Your task is to copy each line of the records that includes the string "Diagonal".
The records Start Marker
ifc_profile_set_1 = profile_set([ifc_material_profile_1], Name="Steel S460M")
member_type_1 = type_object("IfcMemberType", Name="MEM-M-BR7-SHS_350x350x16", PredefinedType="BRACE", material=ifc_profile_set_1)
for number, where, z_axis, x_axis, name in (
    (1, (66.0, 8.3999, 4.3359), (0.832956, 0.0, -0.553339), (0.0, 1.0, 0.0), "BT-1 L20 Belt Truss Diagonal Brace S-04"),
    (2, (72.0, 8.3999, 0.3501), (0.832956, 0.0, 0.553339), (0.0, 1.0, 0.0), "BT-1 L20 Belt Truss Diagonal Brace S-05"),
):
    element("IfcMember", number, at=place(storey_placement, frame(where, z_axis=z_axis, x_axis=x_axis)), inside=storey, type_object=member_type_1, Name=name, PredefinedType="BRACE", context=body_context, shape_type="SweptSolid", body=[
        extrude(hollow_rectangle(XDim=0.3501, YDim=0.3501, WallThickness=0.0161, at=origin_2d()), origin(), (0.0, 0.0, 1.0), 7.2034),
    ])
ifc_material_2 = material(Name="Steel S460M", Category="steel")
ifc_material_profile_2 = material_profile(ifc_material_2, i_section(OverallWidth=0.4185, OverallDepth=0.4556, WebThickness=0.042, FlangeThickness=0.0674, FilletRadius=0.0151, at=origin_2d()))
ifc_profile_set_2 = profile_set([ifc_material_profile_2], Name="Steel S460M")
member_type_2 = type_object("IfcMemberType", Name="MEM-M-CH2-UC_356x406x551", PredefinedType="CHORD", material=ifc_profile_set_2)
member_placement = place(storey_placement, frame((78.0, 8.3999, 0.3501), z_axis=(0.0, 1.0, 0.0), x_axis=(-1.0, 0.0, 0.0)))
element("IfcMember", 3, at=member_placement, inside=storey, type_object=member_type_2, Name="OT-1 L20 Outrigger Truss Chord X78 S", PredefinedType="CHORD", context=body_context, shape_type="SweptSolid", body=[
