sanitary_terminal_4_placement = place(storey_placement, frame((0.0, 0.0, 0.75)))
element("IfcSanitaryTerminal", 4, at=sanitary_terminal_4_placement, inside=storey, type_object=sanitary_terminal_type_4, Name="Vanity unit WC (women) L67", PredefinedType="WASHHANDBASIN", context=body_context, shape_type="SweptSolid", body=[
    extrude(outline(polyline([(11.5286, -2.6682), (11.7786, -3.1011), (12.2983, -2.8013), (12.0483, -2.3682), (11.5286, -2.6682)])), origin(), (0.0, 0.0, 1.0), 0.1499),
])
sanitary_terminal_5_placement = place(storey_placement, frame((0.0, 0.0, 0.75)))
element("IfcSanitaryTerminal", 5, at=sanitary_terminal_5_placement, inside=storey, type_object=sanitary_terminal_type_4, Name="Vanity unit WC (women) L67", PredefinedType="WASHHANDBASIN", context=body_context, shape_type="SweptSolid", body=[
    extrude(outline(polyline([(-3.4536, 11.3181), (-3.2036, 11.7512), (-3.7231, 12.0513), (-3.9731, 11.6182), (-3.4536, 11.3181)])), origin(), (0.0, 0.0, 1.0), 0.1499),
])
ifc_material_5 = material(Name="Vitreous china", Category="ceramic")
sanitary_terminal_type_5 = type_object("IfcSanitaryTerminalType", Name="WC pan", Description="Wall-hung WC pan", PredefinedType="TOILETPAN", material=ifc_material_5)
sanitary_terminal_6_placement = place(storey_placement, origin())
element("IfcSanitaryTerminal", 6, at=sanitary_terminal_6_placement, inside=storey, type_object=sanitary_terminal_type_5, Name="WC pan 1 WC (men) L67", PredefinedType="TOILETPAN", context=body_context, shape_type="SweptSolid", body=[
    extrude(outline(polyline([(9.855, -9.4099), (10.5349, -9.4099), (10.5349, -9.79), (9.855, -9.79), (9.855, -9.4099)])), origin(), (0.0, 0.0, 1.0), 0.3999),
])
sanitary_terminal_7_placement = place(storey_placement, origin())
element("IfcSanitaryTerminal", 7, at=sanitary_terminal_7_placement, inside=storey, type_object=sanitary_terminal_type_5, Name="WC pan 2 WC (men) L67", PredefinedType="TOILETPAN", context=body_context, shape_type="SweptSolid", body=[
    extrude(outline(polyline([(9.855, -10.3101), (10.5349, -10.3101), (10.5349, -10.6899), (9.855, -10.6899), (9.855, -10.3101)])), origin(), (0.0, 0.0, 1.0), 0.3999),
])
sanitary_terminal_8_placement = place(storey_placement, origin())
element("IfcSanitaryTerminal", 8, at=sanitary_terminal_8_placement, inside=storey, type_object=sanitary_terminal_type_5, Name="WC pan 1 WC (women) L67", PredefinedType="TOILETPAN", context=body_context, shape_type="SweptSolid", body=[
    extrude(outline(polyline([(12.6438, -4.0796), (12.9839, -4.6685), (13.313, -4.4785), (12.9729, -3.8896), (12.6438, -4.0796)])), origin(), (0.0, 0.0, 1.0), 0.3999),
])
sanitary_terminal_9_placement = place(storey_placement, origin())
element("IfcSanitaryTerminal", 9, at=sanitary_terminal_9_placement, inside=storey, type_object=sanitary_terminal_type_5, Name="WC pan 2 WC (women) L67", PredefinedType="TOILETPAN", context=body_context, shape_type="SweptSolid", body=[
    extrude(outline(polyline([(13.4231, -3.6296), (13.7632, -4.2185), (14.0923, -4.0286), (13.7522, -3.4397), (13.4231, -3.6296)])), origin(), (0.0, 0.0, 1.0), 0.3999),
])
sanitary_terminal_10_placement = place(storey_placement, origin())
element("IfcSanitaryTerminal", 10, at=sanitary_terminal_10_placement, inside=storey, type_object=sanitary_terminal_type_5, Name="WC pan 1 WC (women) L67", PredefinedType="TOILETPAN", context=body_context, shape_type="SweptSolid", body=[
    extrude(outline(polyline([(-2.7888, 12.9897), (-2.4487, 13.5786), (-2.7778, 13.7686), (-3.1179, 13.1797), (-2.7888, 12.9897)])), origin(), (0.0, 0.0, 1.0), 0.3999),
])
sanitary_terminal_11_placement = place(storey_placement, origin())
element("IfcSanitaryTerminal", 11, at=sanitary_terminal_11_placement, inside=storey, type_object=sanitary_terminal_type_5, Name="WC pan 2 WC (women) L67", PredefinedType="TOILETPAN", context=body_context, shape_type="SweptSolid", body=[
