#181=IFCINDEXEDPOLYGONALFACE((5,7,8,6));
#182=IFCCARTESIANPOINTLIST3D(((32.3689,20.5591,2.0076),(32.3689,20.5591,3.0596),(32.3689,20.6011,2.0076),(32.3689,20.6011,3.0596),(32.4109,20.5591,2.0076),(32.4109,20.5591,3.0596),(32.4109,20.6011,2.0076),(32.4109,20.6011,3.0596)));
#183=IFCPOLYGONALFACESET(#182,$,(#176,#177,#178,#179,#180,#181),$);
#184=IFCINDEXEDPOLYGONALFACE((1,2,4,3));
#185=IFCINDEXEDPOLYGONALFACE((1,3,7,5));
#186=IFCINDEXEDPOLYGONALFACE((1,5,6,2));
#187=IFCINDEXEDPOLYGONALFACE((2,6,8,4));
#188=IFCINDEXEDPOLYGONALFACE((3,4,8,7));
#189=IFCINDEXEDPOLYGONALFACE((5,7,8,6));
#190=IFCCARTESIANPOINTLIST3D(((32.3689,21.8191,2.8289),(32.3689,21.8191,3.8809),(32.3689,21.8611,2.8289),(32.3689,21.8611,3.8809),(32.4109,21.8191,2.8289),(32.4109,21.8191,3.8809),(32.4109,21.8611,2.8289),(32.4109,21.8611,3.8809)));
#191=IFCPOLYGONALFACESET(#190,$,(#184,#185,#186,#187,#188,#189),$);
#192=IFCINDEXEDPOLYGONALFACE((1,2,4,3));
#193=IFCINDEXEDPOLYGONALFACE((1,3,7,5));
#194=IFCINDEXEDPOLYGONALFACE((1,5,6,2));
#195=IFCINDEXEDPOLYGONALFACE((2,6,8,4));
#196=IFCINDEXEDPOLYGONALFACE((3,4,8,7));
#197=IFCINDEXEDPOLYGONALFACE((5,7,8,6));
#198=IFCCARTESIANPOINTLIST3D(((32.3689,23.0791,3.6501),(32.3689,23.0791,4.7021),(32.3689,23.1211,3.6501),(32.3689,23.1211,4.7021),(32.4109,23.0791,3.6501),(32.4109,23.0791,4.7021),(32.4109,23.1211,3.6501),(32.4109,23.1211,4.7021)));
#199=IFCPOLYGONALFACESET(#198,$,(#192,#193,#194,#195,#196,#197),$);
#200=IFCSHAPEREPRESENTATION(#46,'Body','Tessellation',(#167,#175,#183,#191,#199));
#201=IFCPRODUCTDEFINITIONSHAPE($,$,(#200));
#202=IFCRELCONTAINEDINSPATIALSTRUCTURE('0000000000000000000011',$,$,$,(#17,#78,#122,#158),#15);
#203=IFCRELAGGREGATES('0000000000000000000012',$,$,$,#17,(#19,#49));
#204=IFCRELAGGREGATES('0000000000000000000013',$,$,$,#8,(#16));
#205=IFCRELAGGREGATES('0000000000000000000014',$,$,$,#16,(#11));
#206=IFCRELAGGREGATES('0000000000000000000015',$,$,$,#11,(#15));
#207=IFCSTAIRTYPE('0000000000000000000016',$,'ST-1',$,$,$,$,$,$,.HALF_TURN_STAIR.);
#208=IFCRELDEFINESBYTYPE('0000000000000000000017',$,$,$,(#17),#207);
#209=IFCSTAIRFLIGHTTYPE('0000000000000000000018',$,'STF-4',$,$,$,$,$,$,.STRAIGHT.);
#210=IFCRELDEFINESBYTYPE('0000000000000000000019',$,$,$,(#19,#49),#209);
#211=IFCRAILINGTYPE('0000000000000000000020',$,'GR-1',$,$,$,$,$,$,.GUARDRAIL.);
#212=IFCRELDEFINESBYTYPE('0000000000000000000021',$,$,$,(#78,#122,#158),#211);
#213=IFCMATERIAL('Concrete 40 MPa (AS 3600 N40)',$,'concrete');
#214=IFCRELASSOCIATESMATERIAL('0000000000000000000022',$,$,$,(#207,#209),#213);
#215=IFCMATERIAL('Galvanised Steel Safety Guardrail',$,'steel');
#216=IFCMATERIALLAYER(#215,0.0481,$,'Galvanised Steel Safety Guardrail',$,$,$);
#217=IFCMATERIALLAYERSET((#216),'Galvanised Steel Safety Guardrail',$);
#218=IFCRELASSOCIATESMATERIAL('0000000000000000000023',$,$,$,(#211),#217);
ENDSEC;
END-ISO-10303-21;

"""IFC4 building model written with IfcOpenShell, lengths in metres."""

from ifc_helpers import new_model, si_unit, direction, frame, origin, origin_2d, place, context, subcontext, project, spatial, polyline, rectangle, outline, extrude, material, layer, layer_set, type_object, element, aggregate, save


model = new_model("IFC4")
The records End Marker
Output of the task:
    (1, (66.0, 8.3999, 4.3359), (0.832956, 0.0, -0.553339), (0.0, 1.0, 0.0), "BT-1 L20 Belt Truss Diagonal Brace S-04"),
    (2, (72.0, 8.3999, 0.3501), (0.832956, 0.0, 0.553339), (0.0, 1.0, 0.0), "BT-1 L20 Belt Truss Diagonal Brace S-05"),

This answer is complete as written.